▶ [The problem]: Will you return, word for word, only the lines from the top of the data below down to and including the one with "#175=IFCINDEXEDPOLYGONALFACE((5,7,8,6));"?

Saved data entries:
★ ★ ★ ★ ★

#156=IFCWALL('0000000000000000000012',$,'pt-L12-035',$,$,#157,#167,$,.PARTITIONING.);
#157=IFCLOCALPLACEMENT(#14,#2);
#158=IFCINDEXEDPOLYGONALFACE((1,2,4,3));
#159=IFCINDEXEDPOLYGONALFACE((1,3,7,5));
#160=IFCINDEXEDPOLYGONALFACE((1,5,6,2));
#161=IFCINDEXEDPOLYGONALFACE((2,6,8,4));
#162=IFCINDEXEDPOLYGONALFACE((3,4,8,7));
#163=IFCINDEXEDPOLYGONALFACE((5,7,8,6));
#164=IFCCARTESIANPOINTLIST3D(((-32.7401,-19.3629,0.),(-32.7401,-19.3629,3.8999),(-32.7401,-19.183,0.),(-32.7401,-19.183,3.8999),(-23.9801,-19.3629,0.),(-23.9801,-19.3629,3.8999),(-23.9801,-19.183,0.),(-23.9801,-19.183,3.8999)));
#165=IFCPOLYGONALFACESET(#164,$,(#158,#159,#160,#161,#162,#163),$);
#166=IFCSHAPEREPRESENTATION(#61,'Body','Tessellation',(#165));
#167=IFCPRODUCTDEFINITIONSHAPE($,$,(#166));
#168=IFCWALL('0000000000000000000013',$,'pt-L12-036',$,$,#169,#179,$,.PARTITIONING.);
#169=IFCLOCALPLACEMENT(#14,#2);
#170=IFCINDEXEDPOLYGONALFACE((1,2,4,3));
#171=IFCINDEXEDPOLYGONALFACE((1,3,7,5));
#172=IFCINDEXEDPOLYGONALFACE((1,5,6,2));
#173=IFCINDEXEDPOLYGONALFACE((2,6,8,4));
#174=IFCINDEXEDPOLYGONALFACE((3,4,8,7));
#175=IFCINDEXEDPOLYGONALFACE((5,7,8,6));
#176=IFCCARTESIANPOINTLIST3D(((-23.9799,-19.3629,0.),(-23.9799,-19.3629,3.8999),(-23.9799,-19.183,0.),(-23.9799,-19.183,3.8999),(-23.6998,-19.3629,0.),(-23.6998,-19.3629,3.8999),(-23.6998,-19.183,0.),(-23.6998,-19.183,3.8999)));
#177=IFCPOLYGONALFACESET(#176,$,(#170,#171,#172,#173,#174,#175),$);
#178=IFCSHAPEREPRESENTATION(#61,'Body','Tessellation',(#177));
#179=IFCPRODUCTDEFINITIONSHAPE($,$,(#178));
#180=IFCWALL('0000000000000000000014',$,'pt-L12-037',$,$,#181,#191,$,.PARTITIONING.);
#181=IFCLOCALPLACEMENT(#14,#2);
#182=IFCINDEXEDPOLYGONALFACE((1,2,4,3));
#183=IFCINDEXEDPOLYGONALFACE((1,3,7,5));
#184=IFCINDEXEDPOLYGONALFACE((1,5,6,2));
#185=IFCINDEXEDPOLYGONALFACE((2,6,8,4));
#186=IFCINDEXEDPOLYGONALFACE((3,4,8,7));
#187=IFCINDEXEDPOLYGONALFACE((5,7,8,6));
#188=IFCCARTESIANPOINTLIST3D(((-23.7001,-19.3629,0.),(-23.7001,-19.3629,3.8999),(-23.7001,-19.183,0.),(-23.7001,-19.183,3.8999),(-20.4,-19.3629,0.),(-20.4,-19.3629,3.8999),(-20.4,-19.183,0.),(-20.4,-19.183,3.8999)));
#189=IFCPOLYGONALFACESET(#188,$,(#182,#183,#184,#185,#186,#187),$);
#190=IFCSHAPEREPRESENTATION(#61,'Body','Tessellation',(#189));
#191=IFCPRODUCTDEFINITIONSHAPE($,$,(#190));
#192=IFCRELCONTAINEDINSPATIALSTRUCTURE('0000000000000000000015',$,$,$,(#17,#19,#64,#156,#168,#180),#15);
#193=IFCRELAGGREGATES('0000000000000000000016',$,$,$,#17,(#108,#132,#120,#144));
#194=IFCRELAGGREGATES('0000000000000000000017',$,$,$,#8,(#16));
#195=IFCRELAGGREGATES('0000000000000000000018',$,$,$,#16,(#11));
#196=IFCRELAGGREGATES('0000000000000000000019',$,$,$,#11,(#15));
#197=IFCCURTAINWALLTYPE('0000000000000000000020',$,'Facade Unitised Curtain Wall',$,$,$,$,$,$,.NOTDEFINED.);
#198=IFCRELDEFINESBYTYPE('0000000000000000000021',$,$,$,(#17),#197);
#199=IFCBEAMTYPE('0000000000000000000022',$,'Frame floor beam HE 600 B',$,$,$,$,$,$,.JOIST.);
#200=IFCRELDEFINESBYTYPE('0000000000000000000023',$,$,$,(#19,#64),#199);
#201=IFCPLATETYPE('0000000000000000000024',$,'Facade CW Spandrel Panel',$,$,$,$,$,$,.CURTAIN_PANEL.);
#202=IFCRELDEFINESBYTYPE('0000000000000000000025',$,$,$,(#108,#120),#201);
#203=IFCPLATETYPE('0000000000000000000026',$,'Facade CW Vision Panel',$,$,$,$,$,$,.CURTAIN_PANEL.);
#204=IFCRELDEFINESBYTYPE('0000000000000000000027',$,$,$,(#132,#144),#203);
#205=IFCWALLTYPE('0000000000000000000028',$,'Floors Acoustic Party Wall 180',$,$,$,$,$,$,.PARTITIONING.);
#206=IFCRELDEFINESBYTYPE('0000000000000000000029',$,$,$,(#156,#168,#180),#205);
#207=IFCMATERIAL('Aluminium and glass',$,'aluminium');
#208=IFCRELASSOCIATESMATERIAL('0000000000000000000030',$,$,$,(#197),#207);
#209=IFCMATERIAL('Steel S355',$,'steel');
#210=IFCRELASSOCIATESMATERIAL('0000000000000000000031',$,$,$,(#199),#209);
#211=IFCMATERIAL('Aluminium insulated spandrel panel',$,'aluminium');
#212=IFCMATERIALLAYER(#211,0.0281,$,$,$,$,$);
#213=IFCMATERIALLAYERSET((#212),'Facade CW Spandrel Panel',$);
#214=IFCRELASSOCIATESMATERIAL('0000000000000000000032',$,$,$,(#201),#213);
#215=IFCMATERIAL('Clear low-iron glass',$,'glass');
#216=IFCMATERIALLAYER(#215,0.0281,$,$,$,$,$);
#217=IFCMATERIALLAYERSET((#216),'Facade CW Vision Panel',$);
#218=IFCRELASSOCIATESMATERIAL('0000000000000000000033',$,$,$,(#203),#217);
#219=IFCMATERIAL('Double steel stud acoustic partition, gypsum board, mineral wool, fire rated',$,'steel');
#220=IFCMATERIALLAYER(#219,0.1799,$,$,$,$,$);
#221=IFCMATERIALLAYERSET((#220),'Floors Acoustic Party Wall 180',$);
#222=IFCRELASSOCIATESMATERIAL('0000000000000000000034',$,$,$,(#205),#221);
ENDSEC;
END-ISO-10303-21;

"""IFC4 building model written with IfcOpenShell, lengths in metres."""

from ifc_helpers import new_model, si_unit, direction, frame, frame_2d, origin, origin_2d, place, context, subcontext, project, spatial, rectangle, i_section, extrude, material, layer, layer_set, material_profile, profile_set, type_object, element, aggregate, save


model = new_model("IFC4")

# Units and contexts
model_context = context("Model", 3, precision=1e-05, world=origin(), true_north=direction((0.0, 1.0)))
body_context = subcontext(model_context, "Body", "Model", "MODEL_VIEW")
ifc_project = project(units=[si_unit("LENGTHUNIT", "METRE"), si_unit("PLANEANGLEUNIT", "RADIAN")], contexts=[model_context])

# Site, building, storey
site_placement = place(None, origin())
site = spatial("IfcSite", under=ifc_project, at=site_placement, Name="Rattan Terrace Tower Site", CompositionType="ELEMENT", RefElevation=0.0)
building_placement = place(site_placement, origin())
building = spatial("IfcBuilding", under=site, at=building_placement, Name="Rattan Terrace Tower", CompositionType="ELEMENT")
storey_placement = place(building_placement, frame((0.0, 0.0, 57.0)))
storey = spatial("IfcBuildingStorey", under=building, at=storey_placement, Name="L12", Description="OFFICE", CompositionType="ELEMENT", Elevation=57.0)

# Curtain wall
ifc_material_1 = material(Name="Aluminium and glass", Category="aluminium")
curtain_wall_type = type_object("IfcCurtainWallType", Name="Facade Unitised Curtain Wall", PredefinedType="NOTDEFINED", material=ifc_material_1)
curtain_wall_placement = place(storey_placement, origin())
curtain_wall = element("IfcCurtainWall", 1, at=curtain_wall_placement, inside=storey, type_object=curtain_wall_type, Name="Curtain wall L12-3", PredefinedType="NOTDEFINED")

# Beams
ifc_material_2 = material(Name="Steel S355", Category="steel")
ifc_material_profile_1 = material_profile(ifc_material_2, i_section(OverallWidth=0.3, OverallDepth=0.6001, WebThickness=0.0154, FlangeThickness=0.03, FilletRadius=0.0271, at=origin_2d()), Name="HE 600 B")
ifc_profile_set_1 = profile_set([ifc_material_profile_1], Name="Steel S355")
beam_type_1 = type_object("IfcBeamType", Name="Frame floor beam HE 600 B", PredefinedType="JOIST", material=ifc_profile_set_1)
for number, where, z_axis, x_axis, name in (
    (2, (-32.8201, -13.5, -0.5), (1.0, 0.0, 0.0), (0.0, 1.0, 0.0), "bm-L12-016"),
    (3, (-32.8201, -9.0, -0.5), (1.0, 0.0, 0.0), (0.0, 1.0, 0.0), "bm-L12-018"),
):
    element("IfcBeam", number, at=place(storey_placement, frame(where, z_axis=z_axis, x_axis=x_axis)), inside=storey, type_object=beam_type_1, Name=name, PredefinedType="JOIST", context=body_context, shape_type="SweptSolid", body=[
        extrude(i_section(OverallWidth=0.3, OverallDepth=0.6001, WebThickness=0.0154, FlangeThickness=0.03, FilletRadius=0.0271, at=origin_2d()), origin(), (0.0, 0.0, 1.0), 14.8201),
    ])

★ ★ ★ ★ ★

▶ [Completed exercise]:
#156=IFCWALL('0000000000000000000012',$,'pt-L12-035',$,$,#157,#167,$,.PARTITIONING.);
#157=IFCLOCALPLACEMENT(#14,#2);
#158=IFCINDEXEDPOLYGONALFACE((1,2,4,3));
#159=IFCINDEXEDPOLYGONALFACE((1,3,7,5));
#160=IFCINDEXEDPOLYGONALFACE((1,5,6,2));
#161=IFCINDEXEDPOLYGONALFACE((2,6,8,4));
#162=IFCINDEXEDPOLYGONALFACE((3,4,8,7));
#163=IFCINDEXEDPOLYGONALFACE((5,7,8,6));
#164=IFCCARTESIANPOINTLIST3D(((-32.7401,-19.3629,0.),(-32.7401,-19.3629,3.8999),(-32.7401,-19.183,0.),(-32.7401,-19.183,3.8999),(-23.9801,-19.3629,0.),(-23.9801,-19.3629,3.8999),(-23.9801,-19.183,0.),(-23.9801,-19.183,3.8999)));
#165=IFCPOLYGONALFACESET(#164,$,(#158,#159,#160,#161,#162,#163),$);
#166=IFCSHAPEREPRESENTATION(#61,'Body','Tessellation',(#165));
#167=IFCPRODUCTDEFINITIONSHAPE($,$,(#166));
#168=IFCWALL('0000000000000000000013',$,'pt-L12-036',$,$,#169,#179,$,.PARTITIONING.);
#169=IFCLOCALPLACEMENT(#14,#2);
#170=IFCINDEXEDPOLYGONALFACE((1,2,4,3));
#171=IFCINDEXEDPOLYGONALFACE((1,3,7,5));
#172=IFCINDEXEDPOLYGONALFACE((1,5,6,2));
#173=IFCINDEXEDPOLYGONALFACE((2,6,8,4));
#174=IFCINDEXEDPOLYGONALFACE((3,4,8,7));
#175=IFCINDEXEDPOLYGONALFACE((5,7,8,6));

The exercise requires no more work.